YOUR GOAL. Exactness is required throughout. Return every record once more.

INFORMATION.
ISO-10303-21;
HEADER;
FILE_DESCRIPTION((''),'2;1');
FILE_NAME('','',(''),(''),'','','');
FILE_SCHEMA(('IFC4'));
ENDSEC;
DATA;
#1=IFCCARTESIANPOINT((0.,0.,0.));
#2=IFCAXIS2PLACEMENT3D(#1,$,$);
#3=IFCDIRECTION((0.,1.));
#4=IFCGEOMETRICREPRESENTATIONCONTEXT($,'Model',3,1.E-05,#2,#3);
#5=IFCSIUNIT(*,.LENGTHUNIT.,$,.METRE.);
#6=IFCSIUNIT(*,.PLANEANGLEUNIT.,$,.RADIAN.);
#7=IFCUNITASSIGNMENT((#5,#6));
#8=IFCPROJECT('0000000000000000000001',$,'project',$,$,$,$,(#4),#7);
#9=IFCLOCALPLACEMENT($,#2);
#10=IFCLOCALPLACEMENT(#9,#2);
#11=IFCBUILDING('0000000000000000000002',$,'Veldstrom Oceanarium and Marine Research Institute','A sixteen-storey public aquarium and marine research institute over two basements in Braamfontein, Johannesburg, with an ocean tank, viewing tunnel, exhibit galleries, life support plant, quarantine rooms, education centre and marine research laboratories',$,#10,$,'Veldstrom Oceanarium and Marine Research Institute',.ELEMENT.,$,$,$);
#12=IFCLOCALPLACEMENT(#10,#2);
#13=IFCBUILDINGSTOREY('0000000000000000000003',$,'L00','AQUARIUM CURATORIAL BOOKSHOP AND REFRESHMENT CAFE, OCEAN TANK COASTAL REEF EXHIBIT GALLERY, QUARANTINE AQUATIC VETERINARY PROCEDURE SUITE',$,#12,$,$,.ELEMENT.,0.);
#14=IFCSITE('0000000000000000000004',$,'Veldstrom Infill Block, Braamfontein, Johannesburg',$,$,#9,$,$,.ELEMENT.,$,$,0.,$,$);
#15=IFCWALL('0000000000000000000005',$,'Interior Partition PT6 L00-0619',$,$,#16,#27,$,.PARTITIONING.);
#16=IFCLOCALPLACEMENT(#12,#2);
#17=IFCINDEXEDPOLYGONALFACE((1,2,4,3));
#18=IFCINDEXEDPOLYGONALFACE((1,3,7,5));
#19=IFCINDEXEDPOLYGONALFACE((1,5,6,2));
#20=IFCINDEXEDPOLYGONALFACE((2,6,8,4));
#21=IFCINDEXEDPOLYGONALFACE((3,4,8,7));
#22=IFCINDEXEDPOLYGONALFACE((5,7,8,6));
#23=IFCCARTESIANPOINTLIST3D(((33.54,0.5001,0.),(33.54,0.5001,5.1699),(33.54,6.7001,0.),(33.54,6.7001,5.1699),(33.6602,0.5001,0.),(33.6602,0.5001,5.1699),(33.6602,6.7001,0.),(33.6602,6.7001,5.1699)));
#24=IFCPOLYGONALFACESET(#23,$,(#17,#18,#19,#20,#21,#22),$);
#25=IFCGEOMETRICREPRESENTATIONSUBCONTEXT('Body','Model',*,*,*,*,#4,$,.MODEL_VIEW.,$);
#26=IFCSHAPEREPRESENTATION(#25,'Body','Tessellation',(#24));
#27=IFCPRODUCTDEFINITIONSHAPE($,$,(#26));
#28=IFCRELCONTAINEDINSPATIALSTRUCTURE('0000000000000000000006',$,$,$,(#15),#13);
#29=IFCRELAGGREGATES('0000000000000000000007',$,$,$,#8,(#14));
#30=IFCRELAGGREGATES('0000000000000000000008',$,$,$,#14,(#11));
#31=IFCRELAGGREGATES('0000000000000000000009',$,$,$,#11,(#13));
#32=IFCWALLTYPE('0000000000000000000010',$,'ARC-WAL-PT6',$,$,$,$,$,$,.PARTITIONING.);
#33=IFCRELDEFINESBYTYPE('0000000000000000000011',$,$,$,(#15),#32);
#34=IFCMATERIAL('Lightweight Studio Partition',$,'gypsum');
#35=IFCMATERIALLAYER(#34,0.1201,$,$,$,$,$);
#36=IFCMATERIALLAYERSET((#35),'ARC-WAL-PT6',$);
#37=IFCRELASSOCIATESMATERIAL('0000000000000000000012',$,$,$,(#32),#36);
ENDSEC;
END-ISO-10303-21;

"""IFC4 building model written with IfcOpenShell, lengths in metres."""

from ifc_helpers import new_model, si_unit, direction, frame, frame_2d, origin, place, context, subcontext, project, spatial, rectangle, extrude, material, layer, layer_set, type_object, element, save


model = new_model("IFC4")

# Units and contexts
model_context = context("Model", 3, precision=1e-05, world=origin(), true_north=direction((0.0, 1.0)))
body_context = subcontext(model_context, "Body", "Model", "MODEL_VIEW")
ifc_project = project(units=[si_unit("LENGTHUNIT", "METRE"), si_unit("PLANEANGLEUNIT", "RADIAN")], contexts=[model_context])

# Site, building, storey
site_placement = place(None, origin())
site = spatial("IfcSite", under=ifc_project, at=site_placement, Name="Veldstrom Infill Block, Braamfontein, Johannesburg", CompositionType="ELEMENT", RefElevation=0.0)
building_placement = place(site_placement, origin())
building = spatial("IfcBuilding", under=site, at=building_placement, Name="Veldstrom Oceanarium and Marine Research Institute", Description="A sixteen-storey public aquarium and marine research institute over two basements in Braamfontein, Johannesburg, with an ocean tank, viewing tunnel, exhibit galleries, life support plant, quarantine rooms, education centre and marine research laboratories", LongName="Veldstrom Oceanarium and Marine Research Institute", CompositionType="ELEMENT")
storey_placement = place(building_placement, origin())
storey = spatial("IfcBuildingStorey", under=building, at=storey_placement, Name="L00", Description="AQUARIUM CURATORIAL BOOKSHOP AND REFRESHMENT CAFE, OCEAN TANK COASTAL REEF EXHIBIT GALLERY, QUARANTINE AQUATIC VETERINARY PROCEDURE SUITE", CompositionType="ELEMENT", Elevation=0.0)

# Wall
ifc_material_1 = material(Name="Lightweight Studio Partition", Category="gypsum")
ifc_layer_1 = layer(ifc_material_1, 0.1201)
ifc_layer_set_1 = layer_set([ifc_layer_1], Name="ARC-WAL-PT6")
wall_type_1 = type_object("IfcWallType", Name="ARC-WAL-PT6", PredefinedType="PARTITIONING", material=ifc_layer_set_1)
wall_1_placement = place(storey_placement, frame((33.6001, 0.5, 0.0), z_axis=(0.0, 0.0, 1.0), x_axis=(0.0, 1.0, 0.0)))
element("IfcWall", 1, at=wall_1_placement, inside=storey, type_object=wall_type_1, Name="Interior Partition PT6 L00-0619", PredefinedType="PARTITIONING", context=body_context, shape_type="SweptSolid", body=[
    extrude(rectangle(XDim=6.2, YDim=0.1201, at=frame_2d((3.1001, 0.0))), origin(), (0.0, 0.0, 1.0), 5.1699),
])

save(model, "model.ifc")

RESULT OF THIS TASK.
ISO-10303-21;
HEADER;
FILE_DESCRIPTION((''),'2;1');
FILE_NAME('','',(''),(''),'','','');
FILE_SCHEMA(('IFC4'));
ENDSEC;
DATA;
#1=IFCCARTESIANPOINT((0.,0.,0.));
#2=IFCAXIS2PLACEMENT3D(#1,$,$);
#3=IFCDIRECTION((0.,1.));
#4=IFCGEOMETRICREPRESENTATIONCONTEXT($,'Model',3,1.E-05,#2,#3);
#5=IFCSIUNIT(*,.LENGTHUNIT.,$,.METRE.);
#6=IFCSIUNIT(*,.PLANEANGLEUNIT.,$,.RADIAN.);
#7=IFCUNITASSIGNMENT((#5,#6));
#8=IFCPROJECT('0000000000000000000001',$,'project',$,$,$,$,(#4),#7);
#9=IFCLOCALPLACEMENT($,#2);
#10=IFCLOCALPLACEMENT(#9,#2);
#11=IFCBUILDING('0000000000000000000002',$,'Veldstrom Oceanarium and Marine Research Institute','A sixteen-storey public aquarium and marine research institute over two basements in Braamfontein, Johannesburg, with an ocean tank, viewing tunnel, exhibit galleries, life support plant, quarantine rooms, education centre and marine research laboratories',$,#10,$,'Veldstrom Oceanarium and Marine Research Institute',.ELEMENT.,$,$,$);
#12=IFCLOCALPLACEMENT(#10,#2);
#13=IFCBUILDINGSTOREY('0000000000000000000003',$,'L00','AQUARIUM CURATORIAL BOOKSHOP AND REFRESHMENT CAFE, OCEAN TANK COASTAL REEF EXHIBIT GALLERY, QUARANTINE AQUATIC VETERINARY PROCEDURE SUITE',$,#12,$,$,.ELEMENT.,0.);
#14=IFCSITE('0000000000000000000004',$,'Veldstrom Infill Block, Braamfontein, Johannesburg',$,$,#9,$,$,.ELEMENT.,$,$,0.,$,$);
#15=IFCWALL('0000000000000000000005',$,'Interior Partition PT6 L00-0619',$,$,#16,#27,$,.PARTITIONING.);
#16=IFCLOCALPLACEMENT(#12,#2);
#17=IFCINDEXEDPOLYGONALFACE((1,2,4,3));
#18=IFCINDEXEDPOLYGONALFACE((1,3,7,5));
#19=IFCINDEXEDPOLYGONALFACE((1,5,6,2));
#20=IFCINDEXEDPOLYGONALFACE((2,6,8,4));
#21=IFCINDEXEDPOLYGONALFACE((3,4,8,7));
#22=IFCINDEXEDPOLYGONALFACE((5,7,8,6));
#23=IFCCARTESIANPOINTLIST3D(((33.54,0.5001,0.),(33.54,0.5001,5.1699),(33.54,6.7001,0.),(33.54,6.7001,5.1699),(33.6602,0.5001,0.),(33.6602,0.5001,5.1699),(33.6602,6.7001,0.),(33.6602,6.7001,5.1699)));
#24=IFCPOLYGONALFACESET(#23,$,(#17,#18,#19,#20,#21,#22),$);
#25=IFCGEOMETRICREPRESENTATIONSUBCONTEXT('Body','Model',*,*,*,*,#4,$,.MODEL_VIEW.,$);
#26=IFCSHAPEREPRESENTATION(#25,'Body','Tessellation',(#24));
#27=IFCPRODUCTDEFINITIONSHAPE($,$,(#26));
#28=IFCRELCONTAINEDINSPATIALSTRUCTURE('0000000000000000000006',$,$,$,(#15),#13);
#29=IFCRELAGGREGATES('0000000000000000000007',$,$,$,#8,(#14));
#30=IFCRELAGGREGATES('0000000000000000000008',$,$,$,#14,(#11));
#31=IFCRELAGGREGATES('0000000000000000000009',$,$,$,#11,(#13));
#32=IFCWALLTYPE('0000000000000000000010',$,'ARC-WAL-PT6',$,$,$,$,$,$,.PARTITIONING.);
#33=IFCRELDEFINESBYTYPE('0000000000000000000011',$,$,$,(#15),#32);
#34=IFCMATERIAL('Lightweight Studio Partition',$,'gypsum');
#35=IFCMATERIALLAYER(#34,0.1201,$,$,$,$,$);
#36=IFCMATERIALLAYERSET((#35),'ARC-WAL-PT6',$);
#37=IFCRELASSOCIATESMATERIAL('0000000000000000000012',$,$,$,(#32),#36);
ENDSEC;
END-ISO-10303-21;

"""IFC4 building model written with IfcOpenShell, lengths in metres."""

from ifc_helpers import new_model, si_unit, direction, frame, frame_2d, origin, place, context, subcontext, project, spatial, rectangle, extrude, material, layer, layer_set, type_object, element, save


model = new_model("IFC4")

# Units and contexts
model_context = context("Model", 3, precision=1e-05, world=origin(), true_north=direction((0.0, 1.0)))
body_context = subcontext(model_context, "Body", "Model", "MODEL_VIEW")
ifc_project = project(units=[si_unit("LENGTHUNIT", "METRE"), si_unit("PLANEANGLEUNIT", "RADIAN")], contexts=[model_context])

# Site, building, storey
site_placement = place(None, origin())
site = spatial("IfcSite", under=ifc_project, at=site_placement, Name="Veldstrom Infill Block, Braamfontein, Johannesburg", CompositionType="ELEMENT", RefElevation=0.0)
building_placement = place(site_placement, origin())
building = spatial("IfcBuilding", under=site, at=building_placement, Name="Veldstrom Oceanarium and Marine Research Institute", Description="A sixteen-storey public aquarium and marine research institute over two basements in Braamfontein, Johannesburg, with an ocean tank, viewing tunnel, exhibit galleries, life support plant, quarantine rooms, education centre and marine research laboratories", LongName="Veldstrom Oceanarium and Marine Research Institute", CompositionType="ELEMENT")
storey_placement = place(building_placement, origin())
storey = spatial("IfcBuildingStorey", under=building, at=storey_placement, Name="L00", Description="AQUARIUM CURATORIAL BOOKSHOP AND REFRESHMENT CAFE, OCEAN TANK COASTAL REEF EXHIBIT GALLERY, QUARANTINE AQUATIC VETERINARY PROCEDURE SUITE", CompositionType="ELEMENT", Elevation=0.0)

# Wall
ifc_material_1 = material(Name="Lightweight Studio Partition", Category="gypsum")
ifc_layer_1 = layer(ifc_material_1, 0.1201)
ifc_layer_set_1 = layer_set([ifc_layer_1], Name="ARC-WAL-PT6")
wall_type_1 = type_object("IfcWallType", Name="ARC-WAL-PT6", PredefinedType="PARTITIONING", material=ifc_layer_set_1)
wall_1_placement = place(storey_placement, frame((33.6001, 0.5, 0.0), z_axis=(0.0, 0.0, 1.0), x_axis=(0.0, 1.0, 0.0)))
element("IfcWall", 1, at=wall_1_placement, inside=storey, type_object=wall_type_1, Name="Interior Partition PT6 L00-0619", PredefinedType="PARTITIONING", context=body_context, shape_type="SweptSolid", body=[
    extrude(rectangle(XDim=6.2, YDim=0.1201, at=frame_2d((3.1001, 0.0))), origin(), (0.0, 0.0, 1.0), 5.1699),
])

save(model, "model.ifc")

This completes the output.